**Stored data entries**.
========

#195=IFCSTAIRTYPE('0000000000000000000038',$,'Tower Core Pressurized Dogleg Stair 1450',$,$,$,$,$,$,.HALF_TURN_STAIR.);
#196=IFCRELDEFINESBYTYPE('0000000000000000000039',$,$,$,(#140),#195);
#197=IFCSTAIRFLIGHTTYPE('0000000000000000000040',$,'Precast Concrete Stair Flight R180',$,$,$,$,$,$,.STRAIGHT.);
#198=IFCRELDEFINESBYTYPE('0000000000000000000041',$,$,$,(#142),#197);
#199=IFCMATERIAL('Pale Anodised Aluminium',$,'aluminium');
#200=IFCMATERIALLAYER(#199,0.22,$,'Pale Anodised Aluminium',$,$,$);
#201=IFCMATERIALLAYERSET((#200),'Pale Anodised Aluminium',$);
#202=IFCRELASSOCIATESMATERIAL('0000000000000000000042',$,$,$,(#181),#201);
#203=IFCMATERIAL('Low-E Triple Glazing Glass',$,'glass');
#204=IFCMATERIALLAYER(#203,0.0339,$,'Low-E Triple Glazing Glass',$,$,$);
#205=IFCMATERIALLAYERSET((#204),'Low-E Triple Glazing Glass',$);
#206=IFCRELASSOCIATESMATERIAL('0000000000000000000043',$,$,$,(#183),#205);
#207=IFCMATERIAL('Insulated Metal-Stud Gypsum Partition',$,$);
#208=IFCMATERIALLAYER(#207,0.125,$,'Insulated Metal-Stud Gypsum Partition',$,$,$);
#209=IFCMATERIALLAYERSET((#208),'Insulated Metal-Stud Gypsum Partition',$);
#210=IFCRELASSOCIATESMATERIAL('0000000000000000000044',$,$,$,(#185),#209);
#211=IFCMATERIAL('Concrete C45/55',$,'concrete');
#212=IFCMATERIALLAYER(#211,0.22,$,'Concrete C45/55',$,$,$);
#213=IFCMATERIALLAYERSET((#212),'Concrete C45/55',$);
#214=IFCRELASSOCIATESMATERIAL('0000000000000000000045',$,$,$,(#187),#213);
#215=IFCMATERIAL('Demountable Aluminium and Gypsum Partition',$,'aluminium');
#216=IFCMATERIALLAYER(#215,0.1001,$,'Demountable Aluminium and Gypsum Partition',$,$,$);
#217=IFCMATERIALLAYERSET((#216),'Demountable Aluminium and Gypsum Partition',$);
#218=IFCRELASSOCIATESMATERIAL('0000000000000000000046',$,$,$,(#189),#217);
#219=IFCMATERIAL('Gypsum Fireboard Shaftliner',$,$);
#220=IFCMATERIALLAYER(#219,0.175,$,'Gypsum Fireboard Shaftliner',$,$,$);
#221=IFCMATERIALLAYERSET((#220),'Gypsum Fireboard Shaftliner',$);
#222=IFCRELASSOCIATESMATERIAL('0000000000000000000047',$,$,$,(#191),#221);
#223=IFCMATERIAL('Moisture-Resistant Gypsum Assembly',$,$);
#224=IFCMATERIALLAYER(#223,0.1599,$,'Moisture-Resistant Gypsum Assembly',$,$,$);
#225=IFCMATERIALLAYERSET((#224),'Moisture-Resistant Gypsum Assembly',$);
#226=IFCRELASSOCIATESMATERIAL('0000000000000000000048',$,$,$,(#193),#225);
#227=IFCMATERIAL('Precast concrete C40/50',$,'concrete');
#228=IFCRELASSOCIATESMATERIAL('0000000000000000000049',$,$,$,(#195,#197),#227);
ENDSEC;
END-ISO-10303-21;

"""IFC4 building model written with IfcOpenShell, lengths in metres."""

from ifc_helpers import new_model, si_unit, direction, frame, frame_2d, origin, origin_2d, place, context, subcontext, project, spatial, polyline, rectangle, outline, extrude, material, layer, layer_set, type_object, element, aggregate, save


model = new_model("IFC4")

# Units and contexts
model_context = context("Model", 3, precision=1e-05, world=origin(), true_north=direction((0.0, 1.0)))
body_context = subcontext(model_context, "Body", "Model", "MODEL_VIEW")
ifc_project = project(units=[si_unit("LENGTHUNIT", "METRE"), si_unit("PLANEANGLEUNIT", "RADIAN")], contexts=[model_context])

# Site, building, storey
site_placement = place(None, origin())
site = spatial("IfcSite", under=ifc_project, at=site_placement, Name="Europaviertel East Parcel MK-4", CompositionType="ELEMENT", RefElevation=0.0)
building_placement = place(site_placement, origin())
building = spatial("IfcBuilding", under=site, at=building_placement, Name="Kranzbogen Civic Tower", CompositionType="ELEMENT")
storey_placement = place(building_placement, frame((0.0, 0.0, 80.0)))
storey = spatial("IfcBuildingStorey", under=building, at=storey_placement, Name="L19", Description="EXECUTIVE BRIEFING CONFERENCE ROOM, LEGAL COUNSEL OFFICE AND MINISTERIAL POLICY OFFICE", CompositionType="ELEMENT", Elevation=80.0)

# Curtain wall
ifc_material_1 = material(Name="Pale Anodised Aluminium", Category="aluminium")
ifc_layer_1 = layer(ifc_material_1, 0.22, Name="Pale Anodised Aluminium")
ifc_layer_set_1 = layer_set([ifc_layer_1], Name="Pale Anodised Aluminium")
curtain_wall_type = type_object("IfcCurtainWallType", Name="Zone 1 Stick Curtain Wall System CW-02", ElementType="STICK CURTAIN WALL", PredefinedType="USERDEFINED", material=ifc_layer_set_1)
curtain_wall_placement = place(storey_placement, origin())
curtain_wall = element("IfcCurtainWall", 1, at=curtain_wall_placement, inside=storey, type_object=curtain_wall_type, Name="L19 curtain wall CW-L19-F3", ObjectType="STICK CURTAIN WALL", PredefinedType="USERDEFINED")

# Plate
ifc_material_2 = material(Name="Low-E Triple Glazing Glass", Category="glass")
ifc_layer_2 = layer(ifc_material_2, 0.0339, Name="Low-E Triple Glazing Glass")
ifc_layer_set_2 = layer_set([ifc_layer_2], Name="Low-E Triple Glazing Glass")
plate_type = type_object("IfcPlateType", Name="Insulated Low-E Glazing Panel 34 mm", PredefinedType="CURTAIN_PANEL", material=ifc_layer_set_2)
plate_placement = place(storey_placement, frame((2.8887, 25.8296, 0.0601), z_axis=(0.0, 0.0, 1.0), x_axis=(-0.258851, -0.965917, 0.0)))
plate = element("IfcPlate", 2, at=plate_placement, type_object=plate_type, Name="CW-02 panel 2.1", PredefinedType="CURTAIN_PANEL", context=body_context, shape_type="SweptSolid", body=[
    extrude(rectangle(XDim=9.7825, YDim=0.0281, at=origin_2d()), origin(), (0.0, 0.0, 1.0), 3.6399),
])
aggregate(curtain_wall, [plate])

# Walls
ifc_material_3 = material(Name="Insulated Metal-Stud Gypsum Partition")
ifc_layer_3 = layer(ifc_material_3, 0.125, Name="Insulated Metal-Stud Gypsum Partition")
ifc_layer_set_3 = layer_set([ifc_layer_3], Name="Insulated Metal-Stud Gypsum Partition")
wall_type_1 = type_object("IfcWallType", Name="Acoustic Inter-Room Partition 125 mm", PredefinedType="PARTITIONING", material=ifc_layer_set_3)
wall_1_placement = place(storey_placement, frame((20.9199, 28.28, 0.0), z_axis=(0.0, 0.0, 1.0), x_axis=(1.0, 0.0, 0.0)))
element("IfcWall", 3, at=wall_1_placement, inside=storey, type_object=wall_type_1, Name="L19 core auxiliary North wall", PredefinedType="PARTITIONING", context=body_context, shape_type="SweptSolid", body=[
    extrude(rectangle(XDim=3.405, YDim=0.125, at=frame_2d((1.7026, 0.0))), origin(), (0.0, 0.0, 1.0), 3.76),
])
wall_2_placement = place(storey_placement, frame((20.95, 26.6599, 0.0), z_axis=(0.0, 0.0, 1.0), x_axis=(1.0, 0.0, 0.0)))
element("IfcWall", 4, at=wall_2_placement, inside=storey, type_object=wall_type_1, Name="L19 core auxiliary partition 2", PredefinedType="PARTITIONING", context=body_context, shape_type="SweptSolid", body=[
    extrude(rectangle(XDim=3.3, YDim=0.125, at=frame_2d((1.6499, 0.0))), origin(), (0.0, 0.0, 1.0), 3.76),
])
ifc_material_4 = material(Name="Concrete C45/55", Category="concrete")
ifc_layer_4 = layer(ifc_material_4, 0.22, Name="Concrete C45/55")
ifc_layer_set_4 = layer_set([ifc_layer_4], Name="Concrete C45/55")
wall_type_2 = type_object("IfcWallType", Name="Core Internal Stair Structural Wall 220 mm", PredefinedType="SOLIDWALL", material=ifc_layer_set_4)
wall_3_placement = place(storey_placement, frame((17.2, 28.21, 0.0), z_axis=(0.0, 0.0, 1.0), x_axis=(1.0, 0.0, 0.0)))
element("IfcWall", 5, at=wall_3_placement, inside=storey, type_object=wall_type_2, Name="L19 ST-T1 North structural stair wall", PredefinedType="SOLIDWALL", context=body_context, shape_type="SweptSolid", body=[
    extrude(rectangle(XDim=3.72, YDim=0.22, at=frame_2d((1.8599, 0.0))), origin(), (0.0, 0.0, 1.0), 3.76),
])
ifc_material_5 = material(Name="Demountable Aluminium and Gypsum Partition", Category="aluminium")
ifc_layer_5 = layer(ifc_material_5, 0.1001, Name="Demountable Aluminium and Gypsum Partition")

========

**Exercise instructions**. List the lines of the entries that include "Resistant".

**Solution for this exercise**.
#223=IFCMATERIAL('Moisture-Resistant Gypsum Assembly',$,$);
#224=IFCMATERIALLAYER(#223,0.1599,$,'Moisture-Resistant Gypsum Assembly',$,$,$);
#225=IFCMATERIALLAYERSET((#224),'Moisture-Resistant Gypsum Assembly',$);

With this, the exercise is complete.